Collected data —
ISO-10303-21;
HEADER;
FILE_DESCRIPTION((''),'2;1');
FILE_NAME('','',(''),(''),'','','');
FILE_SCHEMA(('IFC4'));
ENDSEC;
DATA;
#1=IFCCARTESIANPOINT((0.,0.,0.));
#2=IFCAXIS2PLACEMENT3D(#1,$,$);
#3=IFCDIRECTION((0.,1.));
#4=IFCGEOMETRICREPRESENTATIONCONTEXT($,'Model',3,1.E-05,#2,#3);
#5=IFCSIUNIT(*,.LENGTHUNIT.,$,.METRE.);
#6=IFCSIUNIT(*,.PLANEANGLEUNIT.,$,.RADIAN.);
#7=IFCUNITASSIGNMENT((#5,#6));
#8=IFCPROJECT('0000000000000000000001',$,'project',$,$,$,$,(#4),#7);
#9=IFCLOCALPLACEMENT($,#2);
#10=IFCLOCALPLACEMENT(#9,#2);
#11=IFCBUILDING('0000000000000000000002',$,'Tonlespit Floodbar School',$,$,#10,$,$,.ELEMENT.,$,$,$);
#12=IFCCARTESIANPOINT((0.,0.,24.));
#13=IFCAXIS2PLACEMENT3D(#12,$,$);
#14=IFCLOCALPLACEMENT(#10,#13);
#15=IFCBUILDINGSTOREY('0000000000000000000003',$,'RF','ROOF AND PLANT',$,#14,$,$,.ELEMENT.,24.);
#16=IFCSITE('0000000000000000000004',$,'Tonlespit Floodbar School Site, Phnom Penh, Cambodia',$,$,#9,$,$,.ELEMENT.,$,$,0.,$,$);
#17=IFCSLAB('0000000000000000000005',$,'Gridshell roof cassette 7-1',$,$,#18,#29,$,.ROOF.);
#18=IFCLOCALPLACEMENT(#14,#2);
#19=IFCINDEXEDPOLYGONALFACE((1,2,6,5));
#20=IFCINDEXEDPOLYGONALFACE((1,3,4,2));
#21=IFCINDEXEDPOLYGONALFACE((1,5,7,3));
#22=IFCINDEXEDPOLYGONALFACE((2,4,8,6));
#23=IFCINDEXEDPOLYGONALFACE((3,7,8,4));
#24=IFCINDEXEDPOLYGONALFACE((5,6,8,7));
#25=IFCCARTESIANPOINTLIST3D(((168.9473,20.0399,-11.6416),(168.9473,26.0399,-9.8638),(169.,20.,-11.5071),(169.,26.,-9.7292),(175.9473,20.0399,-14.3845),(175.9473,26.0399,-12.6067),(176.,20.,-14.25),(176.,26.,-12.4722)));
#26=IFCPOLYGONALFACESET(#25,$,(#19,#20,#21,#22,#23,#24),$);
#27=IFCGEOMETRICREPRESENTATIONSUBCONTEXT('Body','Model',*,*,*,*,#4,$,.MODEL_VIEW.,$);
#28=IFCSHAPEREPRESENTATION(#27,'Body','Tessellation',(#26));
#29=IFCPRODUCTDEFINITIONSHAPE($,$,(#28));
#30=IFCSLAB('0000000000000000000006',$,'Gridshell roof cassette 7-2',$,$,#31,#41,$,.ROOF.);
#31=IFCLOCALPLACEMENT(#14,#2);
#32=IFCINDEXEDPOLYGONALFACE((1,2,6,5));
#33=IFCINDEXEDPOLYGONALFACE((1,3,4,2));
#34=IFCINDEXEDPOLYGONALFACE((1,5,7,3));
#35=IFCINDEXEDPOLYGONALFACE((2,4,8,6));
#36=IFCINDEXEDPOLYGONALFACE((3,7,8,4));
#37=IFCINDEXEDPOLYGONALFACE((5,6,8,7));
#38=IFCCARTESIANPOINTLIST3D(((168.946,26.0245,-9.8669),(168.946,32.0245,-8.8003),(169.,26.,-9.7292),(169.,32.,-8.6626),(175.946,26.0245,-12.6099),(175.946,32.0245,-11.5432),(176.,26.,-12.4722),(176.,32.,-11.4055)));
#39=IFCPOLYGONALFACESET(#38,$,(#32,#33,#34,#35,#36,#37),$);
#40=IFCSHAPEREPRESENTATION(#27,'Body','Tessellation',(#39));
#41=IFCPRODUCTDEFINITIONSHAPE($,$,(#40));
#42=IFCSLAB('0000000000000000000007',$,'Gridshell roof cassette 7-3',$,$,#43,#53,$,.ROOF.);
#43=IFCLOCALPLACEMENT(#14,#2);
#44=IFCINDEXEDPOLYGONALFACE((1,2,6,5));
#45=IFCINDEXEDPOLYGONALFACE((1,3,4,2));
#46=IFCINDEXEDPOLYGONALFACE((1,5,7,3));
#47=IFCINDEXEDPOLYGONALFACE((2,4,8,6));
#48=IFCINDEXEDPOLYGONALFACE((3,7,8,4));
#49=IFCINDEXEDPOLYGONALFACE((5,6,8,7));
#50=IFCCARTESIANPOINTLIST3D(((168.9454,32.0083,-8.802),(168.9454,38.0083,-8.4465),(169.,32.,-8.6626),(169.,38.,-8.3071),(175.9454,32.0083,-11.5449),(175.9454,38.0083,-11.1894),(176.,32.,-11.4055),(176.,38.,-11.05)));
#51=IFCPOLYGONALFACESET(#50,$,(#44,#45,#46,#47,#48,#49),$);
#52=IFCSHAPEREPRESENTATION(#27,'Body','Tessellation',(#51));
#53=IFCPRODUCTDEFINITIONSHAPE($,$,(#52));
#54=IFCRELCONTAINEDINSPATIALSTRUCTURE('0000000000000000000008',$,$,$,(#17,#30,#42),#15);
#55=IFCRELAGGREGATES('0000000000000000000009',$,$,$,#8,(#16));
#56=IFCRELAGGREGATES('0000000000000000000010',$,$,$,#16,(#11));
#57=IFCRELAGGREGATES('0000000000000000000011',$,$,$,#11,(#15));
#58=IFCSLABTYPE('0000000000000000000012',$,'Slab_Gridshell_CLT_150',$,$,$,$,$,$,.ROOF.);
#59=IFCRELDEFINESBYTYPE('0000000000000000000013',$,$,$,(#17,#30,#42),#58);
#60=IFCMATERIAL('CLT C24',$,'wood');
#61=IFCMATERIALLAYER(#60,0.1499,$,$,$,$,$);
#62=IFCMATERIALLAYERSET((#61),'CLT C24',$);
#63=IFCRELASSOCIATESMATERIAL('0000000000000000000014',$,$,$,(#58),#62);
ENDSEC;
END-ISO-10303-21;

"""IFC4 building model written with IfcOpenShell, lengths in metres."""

from ifc_helpers import new_model, si_unit, direction, frame, origin, place, context, subcontext, project, spatial, polyline, outline, extrude, material, layer, layer_set, type_object, element, save


model = new_model("IFC4")

# Units and contexts
model_context = context("Model", 3, precision=1e-05, world=origin(), true_north=direction((0.0, 1.0)))
body_context = subcontext(model_context, "Body", "Model", "MODEL_VIEW")
ifc_project = project(units=[si_unit("LENGTHUNIT", "METRE"), si_unit("PLANEANGLEUNIT", "RADIAN")], contexts=[model_context])

# Site, building, storey
site_placement = place(None, origin())
site = spatial("IfcSite", under=ifc_project, at=site_placement, Name="Tonlespit Floodbar School Site, Phnom Penh, Cambodia", CompositionType="ELEMENT", RefElevation=0.0)
building_placement = place(site_placement, origin())
building = spatial("IfcBuilding", under=site, at=building_placement, Name="Tonlespit Floodbar School", CompositionType="ELEMENT")
storey_placement = place(building_placement, frame((0.0, 0.0, 24.0)))
storey = spatial("IfcBuildingStorey", under=building, at=storey_placement, Name="RF", Description="ROOF AND PLANT", CompositionType="ELEMENT", Elevation=24.0)

# Slabs
ifc_material_1 = material(Name="CLT C24", Category="wood")
ifc_layer_1 = layer(ifc_material_1, 0.1499)
ifc_layer_set_1 = layer_set([ifc_layer_1], Name="CLT C24")
slab_type = type_object("IfcSlabType", Name="Slab_Gridshell_CLT_150", PredefinedType="ROOF", material=ifc_layer_set_1)
slab_1_placement = place(storey_placement, frame((169.0, 20.0, -11.5071), z_axis=(0.351698, -0.265946, 0.897542), x_axis=(0.931072, 0.0, -0.364836)))
element("IfcSlab", 1, at=slab_1_placement, inside=storey, type_object=slab_type, Name="Gridshell roof cassette 7-1", PredefinedType="ROOF", context=body_context, shape_type="SweptSolid", body=[
    extrude(outline(polyline([(0.0, 0.0), (7.5182, 0.0), (6.8696, 6.2241), (-0.6486, 6.2241), (0.0, 0.0)])), origin(), (0.0, 0.0, -1.0), 0.1499),
])
slab_2_placement = place(storey_placement, frame((169.0, 26.0, -9.7292), z_axis=(0.359939, -0.163299, 0.918573), x_axis=(0.931072, 0.0, -0.364836)))
element("IfcSlab", 2, at=slab_2_placement, inside=storey, type_object=slab_type, Name="Gridshell roof cassette 7-2", PredefinedType="ROOF", context=body_context, shape_type="SweptSolid", body=[
    extrude(outline(polyline([(0.0, 0.0), (7.5182, 0.0), (7.1291, 6.0816), (-0.3892, 6.0816), (0.0, 0.0)])), origin(), (0.0, 0.0, -1.0), 0.1499),
])
slab_3_placement = place(storey_placement, frame((169.0, 32.0, -8.6626), z_axis=(0.364283, -0.055077, 0.929658), x_axis=(0.931072, 0.0, -0.364836)))
element("IfcSlab", 3, at=slab_3_placement, inside=storey, type_object=slab_type, Name="Gridshell roof cassette 7-3", PredefinedType="ROOF", context=body_context, shape_type="SweptSolid", body=[
    extrude(outline(polyline([(0.0, 0.0), (7.5182, 0.0), (7.3885, 6.0091), (-0.1297, 6.0091), (0.0, 0.0)])), origin(), (0.0, 0.0, -1.0), 0.1499),
])

save(model, "model.ifc")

Activity — Filtering the entries above by the word "IFCSIUNIT", copy each line that matches.

Result of this exercise —
#5=IFCSIUNIT(*,.LENGTHUNIT.,$,.METRE.);
#6=IFCSIUNIT(*,.PLANEANGLEUNIT.,$,.RADIAN.);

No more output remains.